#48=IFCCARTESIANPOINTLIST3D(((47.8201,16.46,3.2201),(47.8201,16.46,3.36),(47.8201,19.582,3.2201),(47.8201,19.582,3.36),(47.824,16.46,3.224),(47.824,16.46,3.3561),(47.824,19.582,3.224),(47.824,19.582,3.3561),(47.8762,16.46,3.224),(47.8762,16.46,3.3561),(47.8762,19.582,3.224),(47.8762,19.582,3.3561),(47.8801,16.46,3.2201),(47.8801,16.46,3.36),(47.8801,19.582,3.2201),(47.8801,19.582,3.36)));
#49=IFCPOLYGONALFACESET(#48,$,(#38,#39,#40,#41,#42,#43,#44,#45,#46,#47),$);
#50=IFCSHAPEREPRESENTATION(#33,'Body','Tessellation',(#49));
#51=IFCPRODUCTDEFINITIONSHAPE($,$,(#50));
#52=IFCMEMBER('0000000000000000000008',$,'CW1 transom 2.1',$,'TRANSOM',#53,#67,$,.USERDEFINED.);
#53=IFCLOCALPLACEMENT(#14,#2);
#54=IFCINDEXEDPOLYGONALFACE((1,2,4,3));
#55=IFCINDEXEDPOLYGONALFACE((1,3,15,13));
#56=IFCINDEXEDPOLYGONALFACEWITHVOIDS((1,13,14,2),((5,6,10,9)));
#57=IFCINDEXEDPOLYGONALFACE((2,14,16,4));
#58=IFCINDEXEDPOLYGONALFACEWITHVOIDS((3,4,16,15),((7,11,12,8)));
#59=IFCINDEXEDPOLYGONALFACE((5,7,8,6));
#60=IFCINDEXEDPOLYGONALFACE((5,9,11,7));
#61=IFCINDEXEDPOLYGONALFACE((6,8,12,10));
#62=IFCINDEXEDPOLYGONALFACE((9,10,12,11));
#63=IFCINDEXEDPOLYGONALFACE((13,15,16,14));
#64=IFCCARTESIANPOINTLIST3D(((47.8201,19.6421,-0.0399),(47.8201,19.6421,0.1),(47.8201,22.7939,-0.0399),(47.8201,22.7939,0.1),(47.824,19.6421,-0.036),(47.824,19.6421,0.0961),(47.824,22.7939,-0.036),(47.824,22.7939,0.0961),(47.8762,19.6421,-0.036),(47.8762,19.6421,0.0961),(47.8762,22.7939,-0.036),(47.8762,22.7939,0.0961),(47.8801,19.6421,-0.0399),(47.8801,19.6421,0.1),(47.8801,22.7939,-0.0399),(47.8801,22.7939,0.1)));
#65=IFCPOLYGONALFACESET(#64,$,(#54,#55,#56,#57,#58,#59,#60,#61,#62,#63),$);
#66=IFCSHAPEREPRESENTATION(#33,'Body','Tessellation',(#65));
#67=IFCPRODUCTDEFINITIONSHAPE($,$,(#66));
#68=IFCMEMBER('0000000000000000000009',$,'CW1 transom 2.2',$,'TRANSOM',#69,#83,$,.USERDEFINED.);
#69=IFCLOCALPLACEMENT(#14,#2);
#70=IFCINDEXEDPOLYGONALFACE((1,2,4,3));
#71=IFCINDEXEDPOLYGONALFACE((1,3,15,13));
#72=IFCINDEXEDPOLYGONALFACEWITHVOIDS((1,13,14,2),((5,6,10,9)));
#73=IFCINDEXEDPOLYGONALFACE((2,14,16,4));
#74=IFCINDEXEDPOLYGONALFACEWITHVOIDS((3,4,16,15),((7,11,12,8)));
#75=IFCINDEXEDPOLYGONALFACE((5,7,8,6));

- - - - - - -

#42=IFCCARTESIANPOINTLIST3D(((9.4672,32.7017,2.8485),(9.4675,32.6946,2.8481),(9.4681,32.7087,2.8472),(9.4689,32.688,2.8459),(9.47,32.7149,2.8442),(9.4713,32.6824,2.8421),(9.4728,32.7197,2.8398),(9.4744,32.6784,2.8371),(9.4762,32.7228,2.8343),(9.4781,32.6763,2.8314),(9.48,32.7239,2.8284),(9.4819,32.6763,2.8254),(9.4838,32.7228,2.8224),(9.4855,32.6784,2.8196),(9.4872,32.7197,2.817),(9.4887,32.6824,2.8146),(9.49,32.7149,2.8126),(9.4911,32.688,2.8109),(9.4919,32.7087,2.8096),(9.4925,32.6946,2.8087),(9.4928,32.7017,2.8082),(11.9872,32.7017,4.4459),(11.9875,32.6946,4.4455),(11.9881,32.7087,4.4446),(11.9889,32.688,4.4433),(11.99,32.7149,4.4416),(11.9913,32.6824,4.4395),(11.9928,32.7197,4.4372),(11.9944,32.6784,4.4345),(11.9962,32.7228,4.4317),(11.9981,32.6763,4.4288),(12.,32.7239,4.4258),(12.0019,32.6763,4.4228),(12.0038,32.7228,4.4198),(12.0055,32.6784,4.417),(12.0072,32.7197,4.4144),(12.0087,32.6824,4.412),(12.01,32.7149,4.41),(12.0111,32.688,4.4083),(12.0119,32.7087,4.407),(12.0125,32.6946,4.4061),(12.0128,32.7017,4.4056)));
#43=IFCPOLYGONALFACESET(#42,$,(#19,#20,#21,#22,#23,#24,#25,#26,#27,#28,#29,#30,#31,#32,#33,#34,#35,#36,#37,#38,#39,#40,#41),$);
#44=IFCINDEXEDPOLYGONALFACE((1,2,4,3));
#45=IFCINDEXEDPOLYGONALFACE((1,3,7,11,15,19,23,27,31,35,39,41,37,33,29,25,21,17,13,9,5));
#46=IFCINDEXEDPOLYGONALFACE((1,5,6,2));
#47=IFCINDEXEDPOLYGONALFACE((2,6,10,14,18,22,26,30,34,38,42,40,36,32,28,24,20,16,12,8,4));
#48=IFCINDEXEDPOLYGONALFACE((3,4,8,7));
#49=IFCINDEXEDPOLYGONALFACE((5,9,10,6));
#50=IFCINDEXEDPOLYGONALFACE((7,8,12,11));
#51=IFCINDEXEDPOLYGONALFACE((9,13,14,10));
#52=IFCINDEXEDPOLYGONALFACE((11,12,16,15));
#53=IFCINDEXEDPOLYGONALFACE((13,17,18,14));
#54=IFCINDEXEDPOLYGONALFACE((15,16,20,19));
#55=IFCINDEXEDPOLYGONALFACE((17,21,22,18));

- - - - - - -

*Activity*:
Look over the listing above. Pick out and copy every line that includes "IFCPOLYGONALFACESET".

*Solution to the problem*:
#49=IFCPOLYGONALFACESET(#48,$,(#38,#39,#40,#41,#42,#43,#44,#45,#46,#47),$);
#65=IFCPOLYGONALFACESET(#64,$,(#54,#55,#56,#57,#58,#59,#60,#61,#62,#63),$);
#43=IFCPOLYGONALFACESET(#42,$,(#19,#20,#21,#22,#23,#24,#25,#26,#27,#28,#29,#30,#31,#32,#33,#34,#35,#36,#37,#38,#39,#40,#41),$);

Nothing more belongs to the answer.